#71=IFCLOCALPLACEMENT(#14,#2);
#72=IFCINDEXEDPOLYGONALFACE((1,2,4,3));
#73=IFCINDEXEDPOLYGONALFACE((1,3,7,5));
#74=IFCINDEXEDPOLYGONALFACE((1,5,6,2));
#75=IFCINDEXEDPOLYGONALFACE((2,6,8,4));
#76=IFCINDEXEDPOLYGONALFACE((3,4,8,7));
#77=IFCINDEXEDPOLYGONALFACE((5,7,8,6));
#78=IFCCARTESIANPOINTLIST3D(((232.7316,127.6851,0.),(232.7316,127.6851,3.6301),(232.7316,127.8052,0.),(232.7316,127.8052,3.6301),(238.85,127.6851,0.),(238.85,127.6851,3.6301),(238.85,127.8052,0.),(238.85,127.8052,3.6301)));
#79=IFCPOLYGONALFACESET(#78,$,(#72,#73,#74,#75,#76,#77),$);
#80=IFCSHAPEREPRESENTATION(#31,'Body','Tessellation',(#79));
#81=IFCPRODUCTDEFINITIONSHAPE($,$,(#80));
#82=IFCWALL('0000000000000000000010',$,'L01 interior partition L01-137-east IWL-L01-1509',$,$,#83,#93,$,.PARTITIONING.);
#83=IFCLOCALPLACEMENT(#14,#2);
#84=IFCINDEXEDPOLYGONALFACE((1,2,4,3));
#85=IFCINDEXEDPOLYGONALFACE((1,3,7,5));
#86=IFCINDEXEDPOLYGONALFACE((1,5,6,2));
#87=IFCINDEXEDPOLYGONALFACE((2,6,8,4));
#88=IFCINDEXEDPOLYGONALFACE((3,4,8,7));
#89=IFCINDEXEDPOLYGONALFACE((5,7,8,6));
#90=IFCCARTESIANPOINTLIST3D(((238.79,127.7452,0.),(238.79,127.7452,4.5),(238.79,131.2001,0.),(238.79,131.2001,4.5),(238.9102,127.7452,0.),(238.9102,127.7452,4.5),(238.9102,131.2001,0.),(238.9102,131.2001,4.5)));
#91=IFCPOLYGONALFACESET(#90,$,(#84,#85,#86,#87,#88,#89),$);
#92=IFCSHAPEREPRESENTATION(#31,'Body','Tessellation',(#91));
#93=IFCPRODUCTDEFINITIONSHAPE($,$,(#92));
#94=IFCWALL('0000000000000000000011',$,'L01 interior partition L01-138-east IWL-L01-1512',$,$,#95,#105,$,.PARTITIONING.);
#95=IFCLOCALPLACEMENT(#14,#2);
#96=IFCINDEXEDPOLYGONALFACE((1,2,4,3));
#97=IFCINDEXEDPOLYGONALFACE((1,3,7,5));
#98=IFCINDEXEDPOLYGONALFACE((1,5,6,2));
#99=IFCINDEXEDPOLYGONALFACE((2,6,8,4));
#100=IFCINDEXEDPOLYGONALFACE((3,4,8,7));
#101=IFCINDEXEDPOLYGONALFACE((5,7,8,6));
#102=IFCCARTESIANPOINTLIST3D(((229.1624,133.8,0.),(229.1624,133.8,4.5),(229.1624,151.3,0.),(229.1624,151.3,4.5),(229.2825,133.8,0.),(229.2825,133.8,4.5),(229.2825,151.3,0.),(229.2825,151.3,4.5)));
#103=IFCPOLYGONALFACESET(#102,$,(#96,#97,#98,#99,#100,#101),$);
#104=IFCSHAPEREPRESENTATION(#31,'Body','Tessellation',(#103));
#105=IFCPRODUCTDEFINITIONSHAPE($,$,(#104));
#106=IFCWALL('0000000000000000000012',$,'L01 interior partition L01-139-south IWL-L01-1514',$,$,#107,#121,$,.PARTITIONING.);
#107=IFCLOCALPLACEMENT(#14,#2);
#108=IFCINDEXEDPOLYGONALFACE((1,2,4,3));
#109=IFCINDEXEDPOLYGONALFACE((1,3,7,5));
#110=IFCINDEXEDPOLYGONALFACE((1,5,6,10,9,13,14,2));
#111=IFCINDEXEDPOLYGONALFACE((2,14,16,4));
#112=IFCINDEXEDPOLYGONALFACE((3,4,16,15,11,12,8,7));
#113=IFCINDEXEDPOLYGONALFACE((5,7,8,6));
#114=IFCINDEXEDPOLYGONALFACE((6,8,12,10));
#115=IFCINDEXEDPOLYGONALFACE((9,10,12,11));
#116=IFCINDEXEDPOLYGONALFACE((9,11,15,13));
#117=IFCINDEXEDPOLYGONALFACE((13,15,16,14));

····················

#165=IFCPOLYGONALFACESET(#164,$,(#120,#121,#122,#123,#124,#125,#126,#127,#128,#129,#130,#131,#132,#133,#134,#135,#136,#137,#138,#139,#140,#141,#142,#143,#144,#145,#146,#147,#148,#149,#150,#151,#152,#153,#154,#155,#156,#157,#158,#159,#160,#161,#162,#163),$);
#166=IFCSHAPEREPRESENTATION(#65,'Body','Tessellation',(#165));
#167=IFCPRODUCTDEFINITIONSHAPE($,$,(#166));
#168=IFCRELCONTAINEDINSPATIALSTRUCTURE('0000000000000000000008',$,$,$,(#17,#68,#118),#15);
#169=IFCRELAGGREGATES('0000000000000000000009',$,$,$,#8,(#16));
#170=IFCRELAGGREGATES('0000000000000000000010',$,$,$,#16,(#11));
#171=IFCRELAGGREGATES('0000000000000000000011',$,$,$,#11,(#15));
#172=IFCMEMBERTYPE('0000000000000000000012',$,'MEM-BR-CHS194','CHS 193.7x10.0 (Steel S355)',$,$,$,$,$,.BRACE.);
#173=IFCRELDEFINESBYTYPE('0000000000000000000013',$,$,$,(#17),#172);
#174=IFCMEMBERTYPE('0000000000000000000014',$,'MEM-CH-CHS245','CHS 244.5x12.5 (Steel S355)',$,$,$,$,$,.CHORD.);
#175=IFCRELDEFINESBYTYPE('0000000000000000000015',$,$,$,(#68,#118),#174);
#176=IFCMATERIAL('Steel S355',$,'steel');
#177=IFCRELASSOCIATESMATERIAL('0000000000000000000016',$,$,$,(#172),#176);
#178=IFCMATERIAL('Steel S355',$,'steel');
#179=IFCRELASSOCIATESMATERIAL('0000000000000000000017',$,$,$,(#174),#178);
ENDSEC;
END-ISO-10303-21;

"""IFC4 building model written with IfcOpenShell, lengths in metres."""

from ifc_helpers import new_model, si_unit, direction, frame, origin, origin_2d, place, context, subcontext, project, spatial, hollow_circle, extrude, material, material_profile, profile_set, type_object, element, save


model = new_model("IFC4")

····················

- [YOUR OBJECTIVE] Out of the data above, give again only the lines starting at the one holding "#111=IFCINDEXEDPOLYGONALFACE((2,14,16,4));" and ending at the one holding "#117=IFCINDEXEDPOLYGONALFACE((13,15,16,14));", unchanged.

- [EXERCISE RESULT]
#111=IFCINDEXEDPOLYGONALFACE((2,14,16,4));
#112=IFCINDEXEDPOLYGONALFACE((3,4,16,15,11,12,8,7));
#113=IFCINDEXEDPOLYGONALFACE((5,7,8,6));
#114=IFCINDEXEDPOLYGONALFACE((6,8,12,10));
#115=IFCINDEXEDPOLYGONALFACE((9,10,12,11));
#116=IFCINDEXEDPOLYGONALFACE((9,11,15,13));
#117=IFCINDEXEDPOLYGONALFACE((13,15,16,14));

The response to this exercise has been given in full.